▶ _Description of the task_: Could you set down exactly the lines of the data below, starting at the one that holds "#23=IFCINDEXEDPOLYGONALFACE((3,5,9,7));" and ending at the one that holds "#40=IFCINDEXEDPOLYGONALFACE((36,40,42,38));", both included, and only those?

▶ _Records for processing_:
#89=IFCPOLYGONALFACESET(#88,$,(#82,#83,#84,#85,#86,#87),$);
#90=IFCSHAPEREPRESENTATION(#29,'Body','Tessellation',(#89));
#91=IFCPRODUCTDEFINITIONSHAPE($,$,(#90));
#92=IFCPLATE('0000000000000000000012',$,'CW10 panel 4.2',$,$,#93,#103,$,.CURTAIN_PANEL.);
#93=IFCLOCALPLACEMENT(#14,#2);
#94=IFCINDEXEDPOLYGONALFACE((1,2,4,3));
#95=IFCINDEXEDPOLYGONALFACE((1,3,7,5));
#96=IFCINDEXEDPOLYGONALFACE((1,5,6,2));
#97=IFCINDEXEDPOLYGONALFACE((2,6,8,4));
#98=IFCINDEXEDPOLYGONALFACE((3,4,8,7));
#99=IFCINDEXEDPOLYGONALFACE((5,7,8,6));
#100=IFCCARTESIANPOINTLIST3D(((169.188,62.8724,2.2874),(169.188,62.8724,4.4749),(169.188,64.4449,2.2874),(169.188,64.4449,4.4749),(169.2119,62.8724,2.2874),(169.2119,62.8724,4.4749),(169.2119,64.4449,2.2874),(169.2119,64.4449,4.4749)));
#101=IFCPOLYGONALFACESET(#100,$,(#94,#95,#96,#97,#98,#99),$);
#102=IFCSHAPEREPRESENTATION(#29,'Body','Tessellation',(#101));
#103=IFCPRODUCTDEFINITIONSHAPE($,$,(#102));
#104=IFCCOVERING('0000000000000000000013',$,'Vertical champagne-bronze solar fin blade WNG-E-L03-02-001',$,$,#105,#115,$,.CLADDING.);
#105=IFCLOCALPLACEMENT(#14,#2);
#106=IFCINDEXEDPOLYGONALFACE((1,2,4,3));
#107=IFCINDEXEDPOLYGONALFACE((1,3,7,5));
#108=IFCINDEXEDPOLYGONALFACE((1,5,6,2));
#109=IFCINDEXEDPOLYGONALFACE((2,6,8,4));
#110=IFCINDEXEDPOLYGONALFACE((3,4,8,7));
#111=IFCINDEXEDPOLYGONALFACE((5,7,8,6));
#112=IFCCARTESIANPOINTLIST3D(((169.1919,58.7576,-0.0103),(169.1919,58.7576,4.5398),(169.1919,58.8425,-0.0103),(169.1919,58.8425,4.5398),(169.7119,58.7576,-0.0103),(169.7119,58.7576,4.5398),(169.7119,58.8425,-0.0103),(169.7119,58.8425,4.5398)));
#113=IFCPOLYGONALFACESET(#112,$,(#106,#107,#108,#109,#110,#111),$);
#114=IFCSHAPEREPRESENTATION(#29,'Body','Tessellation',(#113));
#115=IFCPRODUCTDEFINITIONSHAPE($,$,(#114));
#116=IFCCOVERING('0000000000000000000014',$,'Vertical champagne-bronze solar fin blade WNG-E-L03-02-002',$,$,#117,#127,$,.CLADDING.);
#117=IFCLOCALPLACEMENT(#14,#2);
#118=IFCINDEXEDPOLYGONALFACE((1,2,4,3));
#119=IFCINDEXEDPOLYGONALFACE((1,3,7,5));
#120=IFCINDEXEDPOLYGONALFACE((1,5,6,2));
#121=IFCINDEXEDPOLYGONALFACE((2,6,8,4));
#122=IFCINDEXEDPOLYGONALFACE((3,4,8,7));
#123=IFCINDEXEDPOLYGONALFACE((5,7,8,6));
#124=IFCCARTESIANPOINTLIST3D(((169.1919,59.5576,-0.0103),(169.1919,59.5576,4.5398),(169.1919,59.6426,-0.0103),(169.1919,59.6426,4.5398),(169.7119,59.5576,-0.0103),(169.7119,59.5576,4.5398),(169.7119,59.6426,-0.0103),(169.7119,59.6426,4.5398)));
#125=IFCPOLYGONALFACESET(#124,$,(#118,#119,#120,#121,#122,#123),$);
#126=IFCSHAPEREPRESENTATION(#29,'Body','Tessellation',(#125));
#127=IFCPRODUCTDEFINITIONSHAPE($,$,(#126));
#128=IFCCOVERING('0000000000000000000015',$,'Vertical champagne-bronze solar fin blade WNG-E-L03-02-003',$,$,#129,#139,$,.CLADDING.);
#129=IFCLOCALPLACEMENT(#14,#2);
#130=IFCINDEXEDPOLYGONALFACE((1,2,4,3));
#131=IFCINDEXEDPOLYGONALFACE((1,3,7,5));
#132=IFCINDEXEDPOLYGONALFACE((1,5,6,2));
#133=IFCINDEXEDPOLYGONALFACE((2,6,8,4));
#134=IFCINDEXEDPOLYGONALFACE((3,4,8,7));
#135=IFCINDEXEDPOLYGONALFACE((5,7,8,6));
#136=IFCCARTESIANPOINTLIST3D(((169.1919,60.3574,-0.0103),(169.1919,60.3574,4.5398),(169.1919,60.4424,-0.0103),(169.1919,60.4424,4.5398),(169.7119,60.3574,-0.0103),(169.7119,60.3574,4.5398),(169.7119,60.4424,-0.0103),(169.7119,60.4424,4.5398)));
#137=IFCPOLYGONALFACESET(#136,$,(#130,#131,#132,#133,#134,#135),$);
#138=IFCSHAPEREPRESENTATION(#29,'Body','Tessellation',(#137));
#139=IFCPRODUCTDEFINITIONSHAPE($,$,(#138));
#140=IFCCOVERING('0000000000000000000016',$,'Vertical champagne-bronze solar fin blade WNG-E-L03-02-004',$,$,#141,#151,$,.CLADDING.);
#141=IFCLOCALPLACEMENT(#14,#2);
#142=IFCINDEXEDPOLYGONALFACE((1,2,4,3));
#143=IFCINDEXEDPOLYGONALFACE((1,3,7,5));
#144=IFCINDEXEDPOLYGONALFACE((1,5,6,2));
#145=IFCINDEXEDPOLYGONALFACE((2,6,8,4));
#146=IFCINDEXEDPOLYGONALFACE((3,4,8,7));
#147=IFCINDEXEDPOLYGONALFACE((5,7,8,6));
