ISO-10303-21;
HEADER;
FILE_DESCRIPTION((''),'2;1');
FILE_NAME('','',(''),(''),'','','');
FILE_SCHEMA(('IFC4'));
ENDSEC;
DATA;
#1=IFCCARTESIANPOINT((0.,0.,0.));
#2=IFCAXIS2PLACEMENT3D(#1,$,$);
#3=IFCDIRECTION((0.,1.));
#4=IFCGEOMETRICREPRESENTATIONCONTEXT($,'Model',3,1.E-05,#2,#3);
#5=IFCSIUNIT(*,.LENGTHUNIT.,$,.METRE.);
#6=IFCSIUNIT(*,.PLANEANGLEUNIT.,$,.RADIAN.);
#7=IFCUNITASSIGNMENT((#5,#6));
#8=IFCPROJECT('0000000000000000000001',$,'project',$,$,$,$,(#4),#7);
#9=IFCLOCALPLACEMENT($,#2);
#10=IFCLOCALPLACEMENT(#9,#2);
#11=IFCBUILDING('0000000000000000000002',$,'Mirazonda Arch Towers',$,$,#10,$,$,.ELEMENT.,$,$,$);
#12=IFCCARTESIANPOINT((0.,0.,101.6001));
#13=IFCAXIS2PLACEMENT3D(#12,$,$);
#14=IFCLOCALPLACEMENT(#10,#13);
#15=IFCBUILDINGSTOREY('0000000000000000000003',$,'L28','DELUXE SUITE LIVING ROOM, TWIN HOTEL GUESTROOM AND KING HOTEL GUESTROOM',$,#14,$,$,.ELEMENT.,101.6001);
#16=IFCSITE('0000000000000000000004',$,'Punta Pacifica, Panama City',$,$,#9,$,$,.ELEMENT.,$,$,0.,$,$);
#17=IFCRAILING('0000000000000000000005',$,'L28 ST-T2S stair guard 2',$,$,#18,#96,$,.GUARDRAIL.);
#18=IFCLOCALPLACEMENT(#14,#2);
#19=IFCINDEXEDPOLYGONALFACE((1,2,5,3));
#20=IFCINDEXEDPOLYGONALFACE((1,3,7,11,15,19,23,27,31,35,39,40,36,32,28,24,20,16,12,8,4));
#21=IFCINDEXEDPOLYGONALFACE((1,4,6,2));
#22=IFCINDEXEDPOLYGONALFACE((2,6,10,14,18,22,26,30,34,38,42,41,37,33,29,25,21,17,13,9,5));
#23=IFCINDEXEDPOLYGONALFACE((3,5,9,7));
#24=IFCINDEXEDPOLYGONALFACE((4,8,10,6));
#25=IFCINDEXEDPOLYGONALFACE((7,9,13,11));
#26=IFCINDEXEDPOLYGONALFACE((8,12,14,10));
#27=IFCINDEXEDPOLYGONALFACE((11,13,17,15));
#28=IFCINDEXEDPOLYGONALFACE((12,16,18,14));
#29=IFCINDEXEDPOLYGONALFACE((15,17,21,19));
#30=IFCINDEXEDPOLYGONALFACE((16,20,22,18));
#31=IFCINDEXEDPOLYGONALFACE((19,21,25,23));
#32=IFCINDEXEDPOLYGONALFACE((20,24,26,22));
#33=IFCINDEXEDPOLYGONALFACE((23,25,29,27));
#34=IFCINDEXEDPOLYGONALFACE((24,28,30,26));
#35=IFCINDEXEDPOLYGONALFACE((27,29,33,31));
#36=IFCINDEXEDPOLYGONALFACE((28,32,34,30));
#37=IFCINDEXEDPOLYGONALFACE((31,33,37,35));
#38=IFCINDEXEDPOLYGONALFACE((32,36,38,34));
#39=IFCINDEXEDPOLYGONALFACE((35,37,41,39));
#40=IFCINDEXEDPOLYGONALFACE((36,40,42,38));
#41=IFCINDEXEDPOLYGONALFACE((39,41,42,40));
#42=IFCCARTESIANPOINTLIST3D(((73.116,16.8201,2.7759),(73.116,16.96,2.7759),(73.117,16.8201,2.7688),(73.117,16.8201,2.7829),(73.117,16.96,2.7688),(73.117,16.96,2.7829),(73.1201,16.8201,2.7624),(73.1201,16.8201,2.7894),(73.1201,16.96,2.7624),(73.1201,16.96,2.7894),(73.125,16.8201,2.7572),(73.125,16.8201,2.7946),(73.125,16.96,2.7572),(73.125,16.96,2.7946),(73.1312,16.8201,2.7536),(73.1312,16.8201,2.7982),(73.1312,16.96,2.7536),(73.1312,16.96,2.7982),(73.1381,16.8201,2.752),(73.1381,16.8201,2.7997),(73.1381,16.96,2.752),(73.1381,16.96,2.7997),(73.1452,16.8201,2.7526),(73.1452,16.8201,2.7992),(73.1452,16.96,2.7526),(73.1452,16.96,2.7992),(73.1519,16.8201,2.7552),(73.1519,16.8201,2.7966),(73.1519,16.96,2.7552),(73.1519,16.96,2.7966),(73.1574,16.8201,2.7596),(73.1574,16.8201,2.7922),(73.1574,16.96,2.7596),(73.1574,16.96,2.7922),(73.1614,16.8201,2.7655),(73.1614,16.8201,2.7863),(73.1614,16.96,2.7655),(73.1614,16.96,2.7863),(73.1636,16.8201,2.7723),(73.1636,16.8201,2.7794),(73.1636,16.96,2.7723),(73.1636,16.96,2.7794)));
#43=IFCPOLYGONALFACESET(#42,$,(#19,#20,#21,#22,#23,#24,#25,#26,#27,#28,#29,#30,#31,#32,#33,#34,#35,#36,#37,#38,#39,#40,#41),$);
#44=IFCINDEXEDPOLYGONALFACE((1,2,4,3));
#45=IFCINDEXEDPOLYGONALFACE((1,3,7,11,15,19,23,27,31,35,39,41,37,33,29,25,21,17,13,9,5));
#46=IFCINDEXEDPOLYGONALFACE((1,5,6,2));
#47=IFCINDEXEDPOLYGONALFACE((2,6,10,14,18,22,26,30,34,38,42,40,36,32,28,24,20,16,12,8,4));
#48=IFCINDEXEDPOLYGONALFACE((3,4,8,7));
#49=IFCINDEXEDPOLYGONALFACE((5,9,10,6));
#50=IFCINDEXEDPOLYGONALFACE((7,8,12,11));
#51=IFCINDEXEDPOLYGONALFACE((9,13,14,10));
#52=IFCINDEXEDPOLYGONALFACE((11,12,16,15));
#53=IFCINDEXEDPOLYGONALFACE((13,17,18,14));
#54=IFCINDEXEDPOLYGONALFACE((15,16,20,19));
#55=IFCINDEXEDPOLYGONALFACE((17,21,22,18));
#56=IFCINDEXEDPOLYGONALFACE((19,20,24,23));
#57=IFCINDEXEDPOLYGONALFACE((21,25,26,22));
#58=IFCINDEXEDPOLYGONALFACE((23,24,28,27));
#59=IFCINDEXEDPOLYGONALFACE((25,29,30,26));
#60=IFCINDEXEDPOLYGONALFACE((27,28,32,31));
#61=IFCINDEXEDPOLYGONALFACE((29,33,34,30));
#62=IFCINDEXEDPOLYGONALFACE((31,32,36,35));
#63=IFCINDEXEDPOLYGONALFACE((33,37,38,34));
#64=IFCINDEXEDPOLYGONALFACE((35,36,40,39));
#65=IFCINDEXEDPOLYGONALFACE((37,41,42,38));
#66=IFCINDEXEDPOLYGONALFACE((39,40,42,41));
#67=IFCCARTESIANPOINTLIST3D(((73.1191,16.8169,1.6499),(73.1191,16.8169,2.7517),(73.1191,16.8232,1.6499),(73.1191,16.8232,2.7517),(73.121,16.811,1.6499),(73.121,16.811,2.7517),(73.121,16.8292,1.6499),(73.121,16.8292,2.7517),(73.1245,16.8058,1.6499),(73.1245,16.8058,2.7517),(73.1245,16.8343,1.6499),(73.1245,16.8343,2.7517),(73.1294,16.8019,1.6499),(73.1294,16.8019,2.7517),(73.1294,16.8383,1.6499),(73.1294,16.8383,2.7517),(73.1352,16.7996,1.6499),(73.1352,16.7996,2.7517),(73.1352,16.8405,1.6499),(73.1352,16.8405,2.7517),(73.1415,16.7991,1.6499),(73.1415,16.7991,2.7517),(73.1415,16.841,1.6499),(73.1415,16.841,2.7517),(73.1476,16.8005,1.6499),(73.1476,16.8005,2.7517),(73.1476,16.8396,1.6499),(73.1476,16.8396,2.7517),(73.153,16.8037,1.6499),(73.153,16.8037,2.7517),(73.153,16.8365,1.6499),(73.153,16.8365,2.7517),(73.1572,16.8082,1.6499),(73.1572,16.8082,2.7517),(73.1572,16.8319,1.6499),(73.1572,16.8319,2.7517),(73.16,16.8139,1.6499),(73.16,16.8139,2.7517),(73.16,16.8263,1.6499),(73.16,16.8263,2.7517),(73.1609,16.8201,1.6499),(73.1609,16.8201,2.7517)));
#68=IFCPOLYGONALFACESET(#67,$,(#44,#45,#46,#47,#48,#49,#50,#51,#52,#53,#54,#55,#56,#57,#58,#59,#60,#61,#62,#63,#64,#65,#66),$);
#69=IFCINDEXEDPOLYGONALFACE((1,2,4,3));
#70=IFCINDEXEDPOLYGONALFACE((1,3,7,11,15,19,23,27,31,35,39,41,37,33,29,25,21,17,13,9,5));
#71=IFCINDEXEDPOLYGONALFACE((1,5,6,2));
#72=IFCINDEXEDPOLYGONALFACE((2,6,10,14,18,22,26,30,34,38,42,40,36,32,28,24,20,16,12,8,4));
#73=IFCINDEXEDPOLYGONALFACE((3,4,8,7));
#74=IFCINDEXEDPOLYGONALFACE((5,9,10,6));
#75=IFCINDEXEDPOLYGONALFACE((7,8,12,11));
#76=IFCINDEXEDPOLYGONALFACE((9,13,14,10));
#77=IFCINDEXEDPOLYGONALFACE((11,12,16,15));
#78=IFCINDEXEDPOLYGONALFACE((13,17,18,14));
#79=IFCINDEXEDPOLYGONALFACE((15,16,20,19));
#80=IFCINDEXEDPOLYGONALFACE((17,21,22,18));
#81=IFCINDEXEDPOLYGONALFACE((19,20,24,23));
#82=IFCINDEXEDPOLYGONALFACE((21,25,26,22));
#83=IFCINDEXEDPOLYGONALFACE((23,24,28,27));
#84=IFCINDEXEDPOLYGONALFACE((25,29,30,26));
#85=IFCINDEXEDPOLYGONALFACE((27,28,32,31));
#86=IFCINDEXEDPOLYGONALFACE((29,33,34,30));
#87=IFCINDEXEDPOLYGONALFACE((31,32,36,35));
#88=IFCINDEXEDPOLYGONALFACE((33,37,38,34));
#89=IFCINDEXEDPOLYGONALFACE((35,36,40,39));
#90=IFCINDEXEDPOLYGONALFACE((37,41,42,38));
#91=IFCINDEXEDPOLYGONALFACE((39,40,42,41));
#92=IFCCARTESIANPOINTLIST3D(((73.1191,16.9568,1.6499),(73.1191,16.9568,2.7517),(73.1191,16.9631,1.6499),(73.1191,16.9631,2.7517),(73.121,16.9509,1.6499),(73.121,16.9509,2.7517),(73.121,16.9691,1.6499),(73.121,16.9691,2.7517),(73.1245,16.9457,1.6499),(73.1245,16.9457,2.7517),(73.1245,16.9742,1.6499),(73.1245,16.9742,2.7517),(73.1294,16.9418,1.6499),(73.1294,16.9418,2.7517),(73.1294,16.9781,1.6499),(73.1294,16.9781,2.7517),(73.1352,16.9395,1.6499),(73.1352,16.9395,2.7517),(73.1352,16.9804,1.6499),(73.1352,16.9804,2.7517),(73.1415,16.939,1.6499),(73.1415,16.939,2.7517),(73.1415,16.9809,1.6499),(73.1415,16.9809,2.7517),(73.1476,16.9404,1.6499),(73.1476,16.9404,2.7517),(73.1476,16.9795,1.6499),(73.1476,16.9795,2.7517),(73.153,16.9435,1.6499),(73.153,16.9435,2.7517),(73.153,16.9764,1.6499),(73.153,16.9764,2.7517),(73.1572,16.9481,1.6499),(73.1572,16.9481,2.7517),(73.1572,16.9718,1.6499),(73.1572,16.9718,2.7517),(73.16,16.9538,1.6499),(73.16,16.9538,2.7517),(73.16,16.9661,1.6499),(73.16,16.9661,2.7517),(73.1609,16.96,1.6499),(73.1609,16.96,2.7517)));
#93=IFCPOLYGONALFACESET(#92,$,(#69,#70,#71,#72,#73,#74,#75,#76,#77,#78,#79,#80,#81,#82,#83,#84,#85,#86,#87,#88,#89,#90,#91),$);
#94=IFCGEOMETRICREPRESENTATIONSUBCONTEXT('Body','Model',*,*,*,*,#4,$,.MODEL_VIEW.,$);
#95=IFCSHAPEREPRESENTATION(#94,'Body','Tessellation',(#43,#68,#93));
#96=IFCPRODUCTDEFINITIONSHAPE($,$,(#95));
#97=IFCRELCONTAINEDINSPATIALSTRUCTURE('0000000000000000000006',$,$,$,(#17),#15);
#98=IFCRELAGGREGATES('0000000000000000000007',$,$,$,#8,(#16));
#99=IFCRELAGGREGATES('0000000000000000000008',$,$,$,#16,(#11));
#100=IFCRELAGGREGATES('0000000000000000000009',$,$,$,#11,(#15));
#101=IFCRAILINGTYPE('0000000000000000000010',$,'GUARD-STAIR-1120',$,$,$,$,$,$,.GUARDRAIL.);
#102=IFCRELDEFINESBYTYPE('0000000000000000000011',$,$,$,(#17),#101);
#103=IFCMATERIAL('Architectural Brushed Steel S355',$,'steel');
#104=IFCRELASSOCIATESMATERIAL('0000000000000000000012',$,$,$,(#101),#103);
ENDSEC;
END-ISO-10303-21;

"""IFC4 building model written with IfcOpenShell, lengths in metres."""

from ifc_helpers import new_model, si_unit, direction, frame, origin, origin_2d, place, context, subcontext, project, spatial, circle, extrude, material, type_object, element, save


model = new_model("IFC4")

# Units and contexts
model_context = context("Model", 3, precision=1e-05, world=origin(), true_north=direction((0.0, 1.0)))
body_context = subcontext(model_context, "Body", "Model", "MODEL_VIEW")
ifc_project = project(units=[si_unit("LENGTHUNIT", "METRE"), si_unit("PLANEANGLEUNIT", "RADIAN")], contexts=[model_context])

# Site, building, storey
site_placement = place(None, origin())
site = spatial("IfcSite", under=ifc_project, at=site_placement, Name="Punta Pacifica, Panama City", CompositionType="ELEMENT", RefElevation=0.0)
building_placement = place(site_placement, origin())
building = spatial("IfcBuilding", under=site, at=building_placement, Name="Mirazonda Arch Towers", CompositionType="ELEMENT")
storey_placement = place(building_placement, frame((0.0, 0.0, 101.6001)))
storey = spatial("IfcBuildingStorey", under=building, at=storey_placement, Name="L28", Description="DELUXE SUITE LIVING ROOM, TWIN HOTEL GUESTROOM AND KING HOTEL GUESTROOM", CompositionType="ELEMENT", Elevation=101.6001)

# Railing
ifc_material_1 = material(Name="Architectural Brushed Steel S355", Category="steel")
railing_type_1 = type_object("IfcRailingType", Name="GUARD-STAIR-1120", PredefinedType="GUARDRAIL", material=ifc_material_1)
railing_1_placement = place(storey_placement, frame((73.1399, 16.8201, 1.6499)))
element("IfcRailing", 1, at=railing_1_placement, inside=storey, type_object=railing_type_1, Name="L28 ST-T2S stair guard 2", PredefinedType="GUARDRAIL", context=body_context, shape_type="SweptSolid", body=[
    extrude(circle(Radius=0.0239, at=origin_2d()), frame((0.0, 0.0, 1.126), z_axis=(0.0, 1.0, 0.0), x_axis=(-1.0, 0.0, 0.0)), (0.0, 0.0, 1.0), 0.1399),
    extrude(circle(Radius=0.021, at=origin_2d()), origin(), (0.0, 0.0, 1.0), 1.1018),
    extrude(circle(Radius=0.021, at=origin_2d()), frame((0.0, 0.1399, 0.0)), (0.0, 0.0, 1.0), 1.1018),
])

save(model, "model.ifc")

▶ _Response_:
#23=IFCINDEXEDPOLYGONALFACE((3,5,9,7));
#24=IFCINDEXEDPOLYGONALFACE((4,8,10,6));
#25=IFCINDEXEDPOLYGONALFACE((7,9,13,11));
#26=IFCINDEXEDPOLYGONALFACE((8,12,14,10));
#27=IFCINDEXEDPOLYGONALFACE((11,13,17,15));
#28=IFCINDEXEDPOLYGONALFACE((12,16,18,14));
#29=IFCINDEXEDPOLYGONALFACE((15,17,21,19));
#30=IFCINDEXEDPOLYGONALFACE((16,20,22,18));
#31=IFCINDEXEDPOLYGONALFACE((19,21,25,23));
#32=IFCINDEXEDPOLYGONALFACE((20,24,26,22));
#33=IFCINDEXEDPOLYGONALFACE((23,25,29,27));
#34=IFCINDEXEDPOLYGONALFACE((24,28,30,26));
#35=IFCINDEXEDPOLYGONALFACE((27,29,33,31));
#36=IFCINDEXEDPOLYGONALFACE((28,32,34,30));
#37=IFCINDEXEDPOLYGONALFACE((31,33,37,35));
#38=IFCINDEXEDPOLYGONALFACE((32,36,38,34));
#39=IFCINDEXEDPOLYGONALFACE((35,37,41,39));
#40=IFCINDEXEDPOLYGONALFACE((36,40,42,38));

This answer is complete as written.